=== ACTIVITY ===
In the records below, find the line that contains "#54=IFCINDEXEDPOLYGONALFACE((28,30,86,84));" and the line that contains "#76=IFCINDEXEDPOLYGONALFACE((51,53,109,107));", then retype exactly those two lines and every line between them.

=== RECORDS ===
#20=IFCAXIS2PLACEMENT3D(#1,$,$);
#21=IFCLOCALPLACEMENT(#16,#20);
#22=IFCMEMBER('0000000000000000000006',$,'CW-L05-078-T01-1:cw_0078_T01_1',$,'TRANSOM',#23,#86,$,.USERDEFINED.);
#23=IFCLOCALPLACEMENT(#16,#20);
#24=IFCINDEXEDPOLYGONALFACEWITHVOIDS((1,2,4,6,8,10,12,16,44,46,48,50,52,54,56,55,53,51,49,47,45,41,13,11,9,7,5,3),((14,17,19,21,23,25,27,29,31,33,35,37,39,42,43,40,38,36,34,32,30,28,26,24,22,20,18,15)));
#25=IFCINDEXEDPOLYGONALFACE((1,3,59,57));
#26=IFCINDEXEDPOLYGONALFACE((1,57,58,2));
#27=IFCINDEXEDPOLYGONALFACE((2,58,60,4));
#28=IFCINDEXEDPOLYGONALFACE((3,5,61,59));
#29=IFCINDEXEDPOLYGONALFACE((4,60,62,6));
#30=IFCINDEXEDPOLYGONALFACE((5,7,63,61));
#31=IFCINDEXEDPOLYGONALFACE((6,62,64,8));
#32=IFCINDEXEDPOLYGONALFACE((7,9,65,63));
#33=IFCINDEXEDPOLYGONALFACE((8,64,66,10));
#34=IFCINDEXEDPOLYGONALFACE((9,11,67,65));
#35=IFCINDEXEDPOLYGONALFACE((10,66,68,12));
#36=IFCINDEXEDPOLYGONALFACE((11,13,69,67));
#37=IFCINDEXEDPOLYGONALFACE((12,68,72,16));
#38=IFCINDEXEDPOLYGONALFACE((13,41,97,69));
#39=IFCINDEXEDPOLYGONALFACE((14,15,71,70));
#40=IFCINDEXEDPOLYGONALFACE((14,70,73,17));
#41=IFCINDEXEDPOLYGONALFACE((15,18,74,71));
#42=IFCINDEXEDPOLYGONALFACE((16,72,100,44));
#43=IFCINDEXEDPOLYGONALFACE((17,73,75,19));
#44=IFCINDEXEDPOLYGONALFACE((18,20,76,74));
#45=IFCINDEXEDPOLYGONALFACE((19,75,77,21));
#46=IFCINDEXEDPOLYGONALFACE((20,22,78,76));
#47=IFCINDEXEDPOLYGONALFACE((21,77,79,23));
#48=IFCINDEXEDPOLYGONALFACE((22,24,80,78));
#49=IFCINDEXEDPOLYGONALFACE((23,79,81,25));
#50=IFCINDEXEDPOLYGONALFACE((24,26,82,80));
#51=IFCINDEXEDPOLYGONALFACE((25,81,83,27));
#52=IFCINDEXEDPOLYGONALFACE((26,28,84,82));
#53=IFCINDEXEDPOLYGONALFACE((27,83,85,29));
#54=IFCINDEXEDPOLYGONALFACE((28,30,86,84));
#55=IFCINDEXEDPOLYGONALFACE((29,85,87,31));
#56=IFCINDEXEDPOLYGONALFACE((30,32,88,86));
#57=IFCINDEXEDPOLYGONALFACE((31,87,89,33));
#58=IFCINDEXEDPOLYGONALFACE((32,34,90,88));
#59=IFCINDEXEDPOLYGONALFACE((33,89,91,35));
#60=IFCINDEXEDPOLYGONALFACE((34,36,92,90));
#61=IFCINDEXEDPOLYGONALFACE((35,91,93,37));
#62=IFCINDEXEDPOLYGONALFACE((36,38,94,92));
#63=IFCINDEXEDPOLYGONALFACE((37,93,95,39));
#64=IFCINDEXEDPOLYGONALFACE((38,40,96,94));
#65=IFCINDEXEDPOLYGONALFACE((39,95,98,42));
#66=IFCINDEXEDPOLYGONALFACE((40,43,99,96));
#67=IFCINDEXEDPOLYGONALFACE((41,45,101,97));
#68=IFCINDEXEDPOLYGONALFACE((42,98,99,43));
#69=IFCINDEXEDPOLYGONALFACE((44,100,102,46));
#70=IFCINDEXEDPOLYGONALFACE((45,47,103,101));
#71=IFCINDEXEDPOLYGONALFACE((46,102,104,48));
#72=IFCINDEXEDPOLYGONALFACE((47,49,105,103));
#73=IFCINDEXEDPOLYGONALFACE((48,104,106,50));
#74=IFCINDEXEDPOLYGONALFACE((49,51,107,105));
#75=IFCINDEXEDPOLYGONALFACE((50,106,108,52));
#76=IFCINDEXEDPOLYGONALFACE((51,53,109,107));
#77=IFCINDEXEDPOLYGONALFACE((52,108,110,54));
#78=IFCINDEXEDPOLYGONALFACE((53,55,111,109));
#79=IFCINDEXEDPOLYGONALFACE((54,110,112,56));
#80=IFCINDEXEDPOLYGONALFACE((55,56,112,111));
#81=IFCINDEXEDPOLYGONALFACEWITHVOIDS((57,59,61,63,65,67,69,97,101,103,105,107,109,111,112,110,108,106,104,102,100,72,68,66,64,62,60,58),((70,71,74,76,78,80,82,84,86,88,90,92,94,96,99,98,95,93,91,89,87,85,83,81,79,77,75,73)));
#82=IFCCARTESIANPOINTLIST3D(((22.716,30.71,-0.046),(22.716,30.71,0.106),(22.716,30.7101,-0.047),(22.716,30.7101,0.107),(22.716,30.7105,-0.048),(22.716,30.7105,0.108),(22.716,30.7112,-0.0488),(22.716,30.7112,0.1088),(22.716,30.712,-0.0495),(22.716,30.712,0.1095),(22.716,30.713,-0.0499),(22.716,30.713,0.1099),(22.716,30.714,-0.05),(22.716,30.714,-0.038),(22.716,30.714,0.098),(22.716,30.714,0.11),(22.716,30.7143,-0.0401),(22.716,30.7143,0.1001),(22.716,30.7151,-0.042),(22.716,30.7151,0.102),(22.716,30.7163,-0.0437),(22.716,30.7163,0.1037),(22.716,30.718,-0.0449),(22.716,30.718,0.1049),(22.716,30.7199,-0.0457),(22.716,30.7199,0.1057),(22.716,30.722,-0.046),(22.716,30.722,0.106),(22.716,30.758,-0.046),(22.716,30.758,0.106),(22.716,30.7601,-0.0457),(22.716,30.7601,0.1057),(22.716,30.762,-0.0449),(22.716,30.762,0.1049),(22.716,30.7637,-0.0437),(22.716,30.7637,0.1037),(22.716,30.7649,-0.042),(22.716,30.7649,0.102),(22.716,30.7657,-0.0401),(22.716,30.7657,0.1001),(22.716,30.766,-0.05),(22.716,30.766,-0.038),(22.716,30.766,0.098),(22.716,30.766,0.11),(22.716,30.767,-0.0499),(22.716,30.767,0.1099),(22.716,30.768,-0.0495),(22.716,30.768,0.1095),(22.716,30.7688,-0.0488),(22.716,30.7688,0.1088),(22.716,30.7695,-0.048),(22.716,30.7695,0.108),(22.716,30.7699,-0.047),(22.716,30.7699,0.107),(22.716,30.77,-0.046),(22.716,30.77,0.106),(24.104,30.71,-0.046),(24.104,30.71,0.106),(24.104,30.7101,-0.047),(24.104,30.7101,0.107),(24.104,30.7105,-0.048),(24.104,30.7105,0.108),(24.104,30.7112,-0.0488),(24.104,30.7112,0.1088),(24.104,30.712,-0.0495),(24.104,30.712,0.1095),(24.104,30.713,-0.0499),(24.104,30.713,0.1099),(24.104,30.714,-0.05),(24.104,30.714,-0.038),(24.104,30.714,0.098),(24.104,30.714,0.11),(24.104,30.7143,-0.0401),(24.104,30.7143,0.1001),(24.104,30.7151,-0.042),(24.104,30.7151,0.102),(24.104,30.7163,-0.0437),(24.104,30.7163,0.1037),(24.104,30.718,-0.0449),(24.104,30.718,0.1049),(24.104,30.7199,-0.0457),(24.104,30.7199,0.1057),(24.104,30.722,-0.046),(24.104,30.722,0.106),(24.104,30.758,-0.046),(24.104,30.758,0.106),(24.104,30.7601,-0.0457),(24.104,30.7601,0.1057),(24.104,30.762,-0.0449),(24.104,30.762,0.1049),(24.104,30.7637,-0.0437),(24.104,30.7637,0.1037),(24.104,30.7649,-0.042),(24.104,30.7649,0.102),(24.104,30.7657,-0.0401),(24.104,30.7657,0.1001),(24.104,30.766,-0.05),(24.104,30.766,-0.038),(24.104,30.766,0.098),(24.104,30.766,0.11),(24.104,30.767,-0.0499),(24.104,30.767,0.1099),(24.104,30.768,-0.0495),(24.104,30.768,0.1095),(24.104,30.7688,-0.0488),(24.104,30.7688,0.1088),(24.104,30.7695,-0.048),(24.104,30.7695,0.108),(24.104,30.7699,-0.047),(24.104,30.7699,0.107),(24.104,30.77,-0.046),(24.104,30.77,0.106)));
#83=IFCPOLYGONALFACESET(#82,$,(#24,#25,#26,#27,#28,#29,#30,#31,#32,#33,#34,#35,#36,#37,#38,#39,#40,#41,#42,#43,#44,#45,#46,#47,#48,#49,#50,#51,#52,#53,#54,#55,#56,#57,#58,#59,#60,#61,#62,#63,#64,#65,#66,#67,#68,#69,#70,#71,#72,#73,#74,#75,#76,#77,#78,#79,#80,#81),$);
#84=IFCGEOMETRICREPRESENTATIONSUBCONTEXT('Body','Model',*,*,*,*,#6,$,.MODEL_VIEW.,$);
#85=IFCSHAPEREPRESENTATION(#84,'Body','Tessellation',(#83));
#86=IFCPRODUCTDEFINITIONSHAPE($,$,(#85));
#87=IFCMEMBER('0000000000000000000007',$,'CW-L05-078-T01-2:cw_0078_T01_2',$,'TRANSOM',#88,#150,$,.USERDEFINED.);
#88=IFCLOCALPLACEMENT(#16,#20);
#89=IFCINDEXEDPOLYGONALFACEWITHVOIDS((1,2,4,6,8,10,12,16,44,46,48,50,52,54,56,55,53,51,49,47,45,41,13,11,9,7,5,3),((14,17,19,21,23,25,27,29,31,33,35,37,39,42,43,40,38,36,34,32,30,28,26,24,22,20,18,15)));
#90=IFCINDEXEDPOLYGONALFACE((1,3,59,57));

=== EXPECTED OUTPUT ===
#54=IFCINDEXEDPOLYGONALFACE((28,30,86,84));
#55=IFCINDEXEDPOLYGONALFACE((29,85,87,31));
#56=IFCINDEXEDPOLYGONALFACE((30,32,88,86));
#57=IFCINDEXEDPOLYGONALFACE((31,87,89,33));
#58=IFCINDEXEDPOLYGONALFACE((32,34,90,88));
#59=IFCINDEXEDPOLYGONALFACE((33,89,91,35));
#60=IFCINDEXEDPOLYGONALFACE((34,36,92,90));
#61=IFCINDEXEDPOLYGONALFACE((35,91,93,37));
#62=IFCINDEXEDPOLYGONALFACE((36,38,94,92));
#63=IFCINDEXEDPOLYGONALFACE((37,93,95,39));
#64=IFCINDEXEDPOLYGONALFACE((38,40,96,94));
#65=IFCINDEXEDPOLYGONALFACE((39,95,98,42));
#66=IFCINDEXEDPOLYGONALFACE((40,43,99,96));
#67=IFCINDEXEDPOLYGONALFACE((41,45,101,97));
#68=IFCINDEXEDPOLYGONALFACE((42,98,99,43));
#69=IFCINDEXEDPOLYGONALFACE((44,100,102,46));
#70=IFCINDEXEDPOLYGONALFACE((45,47,103,101));
#71=IFCINDEXEDPOLYGONALFACE((46,102,104,48));
#72=IFCINDEXEDPOLYGONALFACE((47,49,105,103));
#73=IFCINDEXEDPOLYGONALFACE((48,104,106,50));
#74=IFCINDEXEDPOLYGONALFACE((49,51,107,105));
#75=IFCINDEXEDPOLYGONALFACE((50,106,108,52));
#76=IFCINDEXEDPOLYGONALFACE((51,53,109,107));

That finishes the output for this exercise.